PROVIDED DATA =>
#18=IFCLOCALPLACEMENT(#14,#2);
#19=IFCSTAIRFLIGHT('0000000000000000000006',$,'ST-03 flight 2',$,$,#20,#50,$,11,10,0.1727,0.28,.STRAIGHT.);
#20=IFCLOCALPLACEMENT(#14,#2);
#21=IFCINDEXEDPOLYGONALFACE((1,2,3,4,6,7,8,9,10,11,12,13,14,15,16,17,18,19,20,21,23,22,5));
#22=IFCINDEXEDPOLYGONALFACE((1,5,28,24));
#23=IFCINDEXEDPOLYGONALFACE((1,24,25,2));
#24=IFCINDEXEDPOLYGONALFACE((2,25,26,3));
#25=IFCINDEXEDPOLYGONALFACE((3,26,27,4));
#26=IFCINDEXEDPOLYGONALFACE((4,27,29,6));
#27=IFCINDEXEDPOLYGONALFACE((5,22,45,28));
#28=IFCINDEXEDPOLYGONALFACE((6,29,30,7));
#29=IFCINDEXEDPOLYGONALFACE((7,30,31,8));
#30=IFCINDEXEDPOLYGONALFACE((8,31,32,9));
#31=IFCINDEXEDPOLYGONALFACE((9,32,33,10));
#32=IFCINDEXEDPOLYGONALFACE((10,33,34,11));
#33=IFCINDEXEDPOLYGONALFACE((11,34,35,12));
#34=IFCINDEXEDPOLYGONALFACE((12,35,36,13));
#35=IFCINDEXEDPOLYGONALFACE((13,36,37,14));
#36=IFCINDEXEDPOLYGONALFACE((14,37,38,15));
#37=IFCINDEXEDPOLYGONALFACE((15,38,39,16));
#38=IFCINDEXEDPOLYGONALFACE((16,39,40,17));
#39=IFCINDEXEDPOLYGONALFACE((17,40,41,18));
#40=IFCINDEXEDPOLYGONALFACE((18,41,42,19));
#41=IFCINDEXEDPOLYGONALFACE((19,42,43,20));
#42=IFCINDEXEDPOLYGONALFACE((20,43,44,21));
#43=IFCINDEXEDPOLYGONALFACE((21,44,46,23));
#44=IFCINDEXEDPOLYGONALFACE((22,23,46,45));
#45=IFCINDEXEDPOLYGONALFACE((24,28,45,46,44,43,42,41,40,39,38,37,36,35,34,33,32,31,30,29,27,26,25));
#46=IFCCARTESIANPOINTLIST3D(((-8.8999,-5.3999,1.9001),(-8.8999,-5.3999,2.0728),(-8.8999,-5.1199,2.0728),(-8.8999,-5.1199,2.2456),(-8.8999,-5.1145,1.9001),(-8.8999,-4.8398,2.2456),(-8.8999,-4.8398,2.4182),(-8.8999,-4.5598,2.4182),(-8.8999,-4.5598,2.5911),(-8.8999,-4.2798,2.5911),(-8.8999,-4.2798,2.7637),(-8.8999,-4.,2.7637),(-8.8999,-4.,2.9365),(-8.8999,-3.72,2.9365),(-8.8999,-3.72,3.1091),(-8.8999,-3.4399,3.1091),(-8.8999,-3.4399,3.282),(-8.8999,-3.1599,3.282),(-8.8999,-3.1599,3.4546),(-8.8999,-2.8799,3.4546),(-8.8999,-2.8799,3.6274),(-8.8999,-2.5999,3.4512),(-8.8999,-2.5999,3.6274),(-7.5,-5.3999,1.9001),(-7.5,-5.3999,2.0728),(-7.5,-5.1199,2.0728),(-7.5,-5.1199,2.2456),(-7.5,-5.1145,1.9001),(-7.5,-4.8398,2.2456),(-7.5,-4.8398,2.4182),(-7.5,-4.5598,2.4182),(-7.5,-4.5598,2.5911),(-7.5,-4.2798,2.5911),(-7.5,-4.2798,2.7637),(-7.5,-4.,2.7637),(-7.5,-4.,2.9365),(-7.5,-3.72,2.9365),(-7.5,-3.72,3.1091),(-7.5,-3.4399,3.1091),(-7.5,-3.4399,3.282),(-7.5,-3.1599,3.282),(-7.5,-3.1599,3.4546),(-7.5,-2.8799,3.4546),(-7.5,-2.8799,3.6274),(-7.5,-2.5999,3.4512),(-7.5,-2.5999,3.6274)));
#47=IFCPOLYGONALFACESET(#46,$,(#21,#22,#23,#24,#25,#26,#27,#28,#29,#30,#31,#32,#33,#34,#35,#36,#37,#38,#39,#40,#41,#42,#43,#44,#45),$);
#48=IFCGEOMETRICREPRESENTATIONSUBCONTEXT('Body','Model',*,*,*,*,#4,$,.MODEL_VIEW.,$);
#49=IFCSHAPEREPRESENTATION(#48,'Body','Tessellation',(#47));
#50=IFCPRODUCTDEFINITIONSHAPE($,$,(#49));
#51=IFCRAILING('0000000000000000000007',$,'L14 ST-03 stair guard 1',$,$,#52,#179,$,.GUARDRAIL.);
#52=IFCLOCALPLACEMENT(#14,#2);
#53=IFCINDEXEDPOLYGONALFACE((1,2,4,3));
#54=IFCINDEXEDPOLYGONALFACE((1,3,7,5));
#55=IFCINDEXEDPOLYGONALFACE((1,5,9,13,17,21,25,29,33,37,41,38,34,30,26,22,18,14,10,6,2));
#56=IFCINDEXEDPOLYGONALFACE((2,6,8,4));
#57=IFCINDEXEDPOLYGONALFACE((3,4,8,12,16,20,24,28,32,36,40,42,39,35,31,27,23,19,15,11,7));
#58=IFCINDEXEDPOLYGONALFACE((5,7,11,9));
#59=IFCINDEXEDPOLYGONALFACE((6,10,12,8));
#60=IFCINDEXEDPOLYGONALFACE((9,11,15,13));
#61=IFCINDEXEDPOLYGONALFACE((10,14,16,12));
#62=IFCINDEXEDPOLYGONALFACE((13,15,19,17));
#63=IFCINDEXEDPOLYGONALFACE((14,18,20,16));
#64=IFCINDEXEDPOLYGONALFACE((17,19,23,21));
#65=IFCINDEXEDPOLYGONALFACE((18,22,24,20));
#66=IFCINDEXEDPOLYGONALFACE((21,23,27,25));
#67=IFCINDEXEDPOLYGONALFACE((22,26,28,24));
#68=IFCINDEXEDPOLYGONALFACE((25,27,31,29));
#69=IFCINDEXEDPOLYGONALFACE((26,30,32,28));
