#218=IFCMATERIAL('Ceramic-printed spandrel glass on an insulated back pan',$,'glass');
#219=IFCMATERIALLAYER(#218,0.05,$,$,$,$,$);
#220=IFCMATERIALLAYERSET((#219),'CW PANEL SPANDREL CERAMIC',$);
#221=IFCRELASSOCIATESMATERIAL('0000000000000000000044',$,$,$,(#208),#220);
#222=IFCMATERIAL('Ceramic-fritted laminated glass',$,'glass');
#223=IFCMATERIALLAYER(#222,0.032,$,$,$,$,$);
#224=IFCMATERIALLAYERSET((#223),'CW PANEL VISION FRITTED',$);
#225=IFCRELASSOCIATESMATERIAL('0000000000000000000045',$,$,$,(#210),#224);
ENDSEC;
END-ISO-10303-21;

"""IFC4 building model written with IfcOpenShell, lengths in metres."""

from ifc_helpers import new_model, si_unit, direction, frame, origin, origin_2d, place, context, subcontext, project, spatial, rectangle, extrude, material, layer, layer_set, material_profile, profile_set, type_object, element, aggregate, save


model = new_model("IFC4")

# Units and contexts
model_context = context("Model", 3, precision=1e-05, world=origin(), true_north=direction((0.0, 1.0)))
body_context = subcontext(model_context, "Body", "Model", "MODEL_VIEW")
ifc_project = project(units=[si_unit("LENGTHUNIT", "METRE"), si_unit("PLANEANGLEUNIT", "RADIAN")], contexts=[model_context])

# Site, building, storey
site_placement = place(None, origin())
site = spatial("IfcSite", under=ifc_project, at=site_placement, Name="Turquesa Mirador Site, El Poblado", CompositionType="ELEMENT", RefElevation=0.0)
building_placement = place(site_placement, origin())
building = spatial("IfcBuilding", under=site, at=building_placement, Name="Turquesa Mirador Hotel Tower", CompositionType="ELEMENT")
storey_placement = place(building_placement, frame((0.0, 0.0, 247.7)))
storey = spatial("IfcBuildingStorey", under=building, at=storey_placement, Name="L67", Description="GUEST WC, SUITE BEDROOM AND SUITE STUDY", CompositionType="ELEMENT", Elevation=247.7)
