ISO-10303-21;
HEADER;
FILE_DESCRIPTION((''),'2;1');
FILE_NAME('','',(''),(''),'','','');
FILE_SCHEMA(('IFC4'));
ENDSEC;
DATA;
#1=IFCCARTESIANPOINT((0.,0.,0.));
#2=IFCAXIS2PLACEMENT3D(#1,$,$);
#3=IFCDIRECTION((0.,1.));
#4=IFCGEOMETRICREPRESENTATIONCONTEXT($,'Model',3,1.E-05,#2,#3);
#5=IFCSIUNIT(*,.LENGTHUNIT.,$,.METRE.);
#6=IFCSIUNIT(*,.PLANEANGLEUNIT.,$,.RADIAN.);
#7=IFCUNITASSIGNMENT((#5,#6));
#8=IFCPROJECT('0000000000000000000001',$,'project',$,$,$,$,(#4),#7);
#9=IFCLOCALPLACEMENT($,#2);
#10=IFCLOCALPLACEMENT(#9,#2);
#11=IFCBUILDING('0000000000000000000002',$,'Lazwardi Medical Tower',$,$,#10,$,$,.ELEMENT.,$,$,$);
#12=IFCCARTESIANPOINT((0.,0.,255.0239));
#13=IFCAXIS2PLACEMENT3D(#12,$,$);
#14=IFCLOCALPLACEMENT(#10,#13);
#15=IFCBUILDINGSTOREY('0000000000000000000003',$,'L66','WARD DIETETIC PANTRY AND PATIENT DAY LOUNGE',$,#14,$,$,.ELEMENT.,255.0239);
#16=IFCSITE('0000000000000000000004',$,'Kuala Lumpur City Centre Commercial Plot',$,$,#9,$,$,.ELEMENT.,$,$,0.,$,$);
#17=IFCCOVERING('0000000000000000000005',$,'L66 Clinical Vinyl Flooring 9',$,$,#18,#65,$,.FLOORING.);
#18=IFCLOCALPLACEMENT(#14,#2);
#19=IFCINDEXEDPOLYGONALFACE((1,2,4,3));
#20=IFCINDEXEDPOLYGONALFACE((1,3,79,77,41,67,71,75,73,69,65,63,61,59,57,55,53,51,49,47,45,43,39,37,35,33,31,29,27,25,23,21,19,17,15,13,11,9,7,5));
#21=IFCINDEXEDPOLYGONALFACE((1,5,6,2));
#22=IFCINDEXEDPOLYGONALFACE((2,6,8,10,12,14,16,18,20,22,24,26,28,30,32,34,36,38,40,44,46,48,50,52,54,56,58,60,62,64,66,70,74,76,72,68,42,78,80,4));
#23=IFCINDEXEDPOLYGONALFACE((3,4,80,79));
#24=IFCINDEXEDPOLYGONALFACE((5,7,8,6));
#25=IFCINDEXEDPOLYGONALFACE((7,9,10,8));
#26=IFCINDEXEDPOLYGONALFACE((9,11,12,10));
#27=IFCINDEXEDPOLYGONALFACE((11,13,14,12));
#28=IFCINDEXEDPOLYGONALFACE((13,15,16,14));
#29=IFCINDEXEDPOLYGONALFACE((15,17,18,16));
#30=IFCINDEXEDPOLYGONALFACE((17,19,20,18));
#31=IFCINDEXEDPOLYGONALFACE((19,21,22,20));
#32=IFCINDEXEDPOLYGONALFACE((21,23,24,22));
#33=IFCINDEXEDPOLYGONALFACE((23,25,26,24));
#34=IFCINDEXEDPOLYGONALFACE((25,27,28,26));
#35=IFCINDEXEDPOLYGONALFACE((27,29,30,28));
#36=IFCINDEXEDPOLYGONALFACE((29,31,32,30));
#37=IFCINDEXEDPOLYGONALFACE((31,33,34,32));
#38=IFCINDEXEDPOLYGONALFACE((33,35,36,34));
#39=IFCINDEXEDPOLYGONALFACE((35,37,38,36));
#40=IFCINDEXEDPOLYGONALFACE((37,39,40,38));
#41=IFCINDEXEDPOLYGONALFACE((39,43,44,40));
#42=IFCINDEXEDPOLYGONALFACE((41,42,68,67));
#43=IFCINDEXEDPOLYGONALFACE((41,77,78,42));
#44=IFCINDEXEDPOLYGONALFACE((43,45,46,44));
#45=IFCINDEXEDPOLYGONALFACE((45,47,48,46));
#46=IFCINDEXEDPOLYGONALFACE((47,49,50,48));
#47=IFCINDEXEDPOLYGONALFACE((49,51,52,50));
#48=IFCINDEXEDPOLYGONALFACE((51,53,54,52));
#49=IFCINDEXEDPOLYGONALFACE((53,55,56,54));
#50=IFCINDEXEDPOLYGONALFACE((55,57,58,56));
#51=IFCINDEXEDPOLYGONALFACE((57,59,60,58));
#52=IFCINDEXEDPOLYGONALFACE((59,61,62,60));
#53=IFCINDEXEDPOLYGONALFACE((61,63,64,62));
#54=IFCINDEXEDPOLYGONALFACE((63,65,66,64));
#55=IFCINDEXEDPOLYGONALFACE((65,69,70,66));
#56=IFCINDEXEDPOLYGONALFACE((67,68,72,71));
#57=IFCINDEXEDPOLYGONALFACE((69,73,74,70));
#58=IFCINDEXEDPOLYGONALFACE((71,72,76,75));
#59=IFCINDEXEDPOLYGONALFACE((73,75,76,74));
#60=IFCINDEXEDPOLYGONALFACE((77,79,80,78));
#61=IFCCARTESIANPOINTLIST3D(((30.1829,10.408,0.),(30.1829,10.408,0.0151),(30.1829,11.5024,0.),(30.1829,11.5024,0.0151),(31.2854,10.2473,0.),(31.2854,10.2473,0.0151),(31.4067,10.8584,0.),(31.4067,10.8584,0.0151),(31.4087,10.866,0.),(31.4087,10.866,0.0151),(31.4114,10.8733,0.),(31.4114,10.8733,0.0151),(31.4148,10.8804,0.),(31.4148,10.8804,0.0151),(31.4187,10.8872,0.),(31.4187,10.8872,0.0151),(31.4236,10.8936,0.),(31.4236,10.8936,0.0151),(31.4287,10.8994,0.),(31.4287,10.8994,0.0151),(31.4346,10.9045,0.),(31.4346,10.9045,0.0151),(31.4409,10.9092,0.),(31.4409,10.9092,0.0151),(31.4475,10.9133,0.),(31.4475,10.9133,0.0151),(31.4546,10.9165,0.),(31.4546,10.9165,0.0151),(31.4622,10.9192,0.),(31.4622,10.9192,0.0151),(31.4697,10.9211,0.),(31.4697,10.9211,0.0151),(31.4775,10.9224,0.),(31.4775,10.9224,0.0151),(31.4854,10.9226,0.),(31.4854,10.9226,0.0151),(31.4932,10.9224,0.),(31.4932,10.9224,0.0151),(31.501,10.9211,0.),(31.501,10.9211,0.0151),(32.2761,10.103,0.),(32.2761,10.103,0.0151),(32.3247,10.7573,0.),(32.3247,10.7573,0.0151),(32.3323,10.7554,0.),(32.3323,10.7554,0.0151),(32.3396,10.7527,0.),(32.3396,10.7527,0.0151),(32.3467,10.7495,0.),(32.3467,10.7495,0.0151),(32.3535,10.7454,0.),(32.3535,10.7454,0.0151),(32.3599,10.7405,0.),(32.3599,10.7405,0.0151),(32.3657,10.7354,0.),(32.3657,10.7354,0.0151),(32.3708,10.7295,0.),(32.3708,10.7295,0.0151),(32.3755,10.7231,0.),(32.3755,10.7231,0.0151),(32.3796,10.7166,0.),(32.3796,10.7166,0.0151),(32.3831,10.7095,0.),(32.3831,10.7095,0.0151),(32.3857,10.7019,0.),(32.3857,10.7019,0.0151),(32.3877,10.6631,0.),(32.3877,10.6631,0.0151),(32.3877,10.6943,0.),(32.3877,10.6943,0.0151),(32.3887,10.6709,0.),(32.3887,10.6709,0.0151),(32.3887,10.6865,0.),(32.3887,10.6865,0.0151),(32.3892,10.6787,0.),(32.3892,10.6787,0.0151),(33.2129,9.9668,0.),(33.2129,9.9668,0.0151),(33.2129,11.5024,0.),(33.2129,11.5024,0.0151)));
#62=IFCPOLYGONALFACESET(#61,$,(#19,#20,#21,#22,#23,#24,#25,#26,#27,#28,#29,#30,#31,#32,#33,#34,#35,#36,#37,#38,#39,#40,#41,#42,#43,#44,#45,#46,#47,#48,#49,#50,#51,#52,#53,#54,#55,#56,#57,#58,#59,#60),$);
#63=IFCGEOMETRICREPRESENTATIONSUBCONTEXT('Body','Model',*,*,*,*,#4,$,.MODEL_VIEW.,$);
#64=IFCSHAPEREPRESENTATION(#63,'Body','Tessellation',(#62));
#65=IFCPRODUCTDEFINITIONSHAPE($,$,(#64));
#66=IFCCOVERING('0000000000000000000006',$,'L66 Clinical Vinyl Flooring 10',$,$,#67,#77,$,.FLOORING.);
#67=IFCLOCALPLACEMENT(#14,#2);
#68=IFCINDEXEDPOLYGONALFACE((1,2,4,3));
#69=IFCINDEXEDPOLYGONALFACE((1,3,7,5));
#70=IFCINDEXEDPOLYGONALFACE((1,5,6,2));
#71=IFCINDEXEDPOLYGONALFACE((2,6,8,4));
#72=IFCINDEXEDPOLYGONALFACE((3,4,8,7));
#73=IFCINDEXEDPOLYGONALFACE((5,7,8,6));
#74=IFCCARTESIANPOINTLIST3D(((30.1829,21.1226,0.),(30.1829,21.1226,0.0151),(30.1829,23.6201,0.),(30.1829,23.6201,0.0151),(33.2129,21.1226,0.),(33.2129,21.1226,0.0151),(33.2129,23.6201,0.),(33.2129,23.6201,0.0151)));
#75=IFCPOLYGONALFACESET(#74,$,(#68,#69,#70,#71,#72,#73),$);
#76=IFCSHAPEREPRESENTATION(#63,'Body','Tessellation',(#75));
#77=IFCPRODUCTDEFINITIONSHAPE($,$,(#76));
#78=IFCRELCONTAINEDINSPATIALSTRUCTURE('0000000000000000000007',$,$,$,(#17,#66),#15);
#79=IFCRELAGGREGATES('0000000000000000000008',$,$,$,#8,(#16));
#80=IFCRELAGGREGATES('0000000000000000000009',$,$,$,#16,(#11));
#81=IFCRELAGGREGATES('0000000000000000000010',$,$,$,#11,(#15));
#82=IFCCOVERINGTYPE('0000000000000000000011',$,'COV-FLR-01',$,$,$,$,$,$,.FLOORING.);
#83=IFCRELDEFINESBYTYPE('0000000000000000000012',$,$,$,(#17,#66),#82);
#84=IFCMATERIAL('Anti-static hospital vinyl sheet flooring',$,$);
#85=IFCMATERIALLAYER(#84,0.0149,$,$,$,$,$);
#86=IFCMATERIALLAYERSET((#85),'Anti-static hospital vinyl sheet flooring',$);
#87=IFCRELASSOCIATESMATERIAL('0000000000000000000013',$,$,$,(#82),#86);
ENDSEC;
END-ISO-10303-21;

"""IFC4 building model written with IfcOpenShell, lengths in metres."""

from ifc_helpers import new_model, si_unit, direction, frame, origin, place, context, subcontext, project, spatial, polyline, outline, extrude, material, layer, layer_set, type_object, element, save


model = new_model("IFC4")

# Units and contexts
model_context = context("Model", 3, precision=1e-05, world=origin(), true_north=direction((0.0, 1.0)))
body_context = subcontext(model_context, "Body", "Model", "MODEL_VIEW")
ifc_project = project(units=[si_unit("LENGTHUNIT", "METRE"), si_unit("PLANEANGLEUNIT", "RADIAN")], contexts=[model_context])

# Site, building, storey
site_placement = place(None, origin())
site = spatial("IfcSite", under=ifc_project, at=site_placement, Name="Kuala Lumpur City Centre Commercial Plot", CompositionType="ELEMENT", RefElevation=0.0)
building_placement = place(site_placement, origin())
building = spatial("IfcBuilding", under=site, at=building_placement, Name="Lazwardi Medical Tower", CompositionType="ELEMENT")
storey_placement = place(building_placement, frame((0.0, 0.0, 255.0239)))
storey = spatial("IfcBuildingStorey", under=building, at=storey_placement, Name="L66", Description="WARD DIETETIC PANTRY AND PATIENT DAY LOUNGE", CompositionType="ELEMENT", Elevation=255.0239)

# Coverings
ifc_material_1 = material(Name="Anti-static hospital vinyl sheet flooring")
ifc_layer_1 = layer(ifc_material_1, 0.0149)
ifc_layer_set_1 = layer_set([ifc_layer_1], Name="Anti-static hospital vinyl sheet flooring")
covering_type_1 = type_object("IfcCoveringType", Name="COV-FLR-01", PredefinedType="FLOORING", material=ifc_layer_set_1)
covering_1_placement = place(storey_placement, origin())
element("IfcCovering", 1, at=covering_1_placement, inside=storey, type_object=covering_type_1, Name="L66 Clinical Vinyl Flooring 9", PredefinedType="FLOORING", context=body_context, shape_type="SweptSolid", body=[
    extrude(outline(polyline([(30.1829, 10.408), (31.2854, 10.2473), (31.4067, 10.8584), (31.4087, 10.866), (31.4114, 10.8733), (31.4148, 10.8804), (31.4187, 10.8872), (31.4236, 10.8936), (31.4287, 10.8994), (31.4346, 10.9045), (31.4409, 10.9092), (31.4475, 10.9133), (31.4546, 10.9165), (31.4622, 10.9192), (31.4697, 10.9211), (31.4775, 10.9224), (31.4854, 10.9226), (31.4932, 10.9224), (31.501, 10.9211), (32.3247, 10.7573), (32.3323, 10.7554), (32.3396, 10.7527), (32.3467, 10.7495), (32.3535, 10.7454), (32.3599, 10.7405), (32.3657, 10.7354), (32.3708, 10.7295), (32.3755, 10.7231), (32.3796, 10.7166), (32.3831, 10.7095), (32.3857, 10.7019), (32.3877, 10.6943), (32.3887, 10.6865), (32.3892, 10.6787), (32.3887, 10.6709), (32.3877, 10.6631), (32.2761, 10.103), (33.2129, 9.9668), (33.2129, 11.5024), (30.1829, 11.5024), (30.1829, 10.408)])), origin(), (0.0, 0.0, 1.0), 0.0151),
])
covering_2_placement = place(storey_placement, origin())
element("IfcCovering", 2, at=covering_2_placement, inside=storey, type_object=covering_type_1, Name="L66 Clinical Vinyl Flooring 10", PredefinedType="FLOORING", context=body_context, shape_type="SweptSolid", body=[
    extrude(outline(polyline([(33.2129, 23.6201), (30.1829, 23.6201), (30.1829, 21.1226), (33.2129, 21.1226), (33.2129, 23.6201)])), origin(), (0.0, 0.0, 1.0), 0.0151),
])

save(model, "model.ifc")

WHAT YOU NEED TO DO =>
Counting only lines of the data above that hold "IFCRELASSOCIATESMATERIAL", report the total and nothing else.

EXERCISE SOLUTION =>
3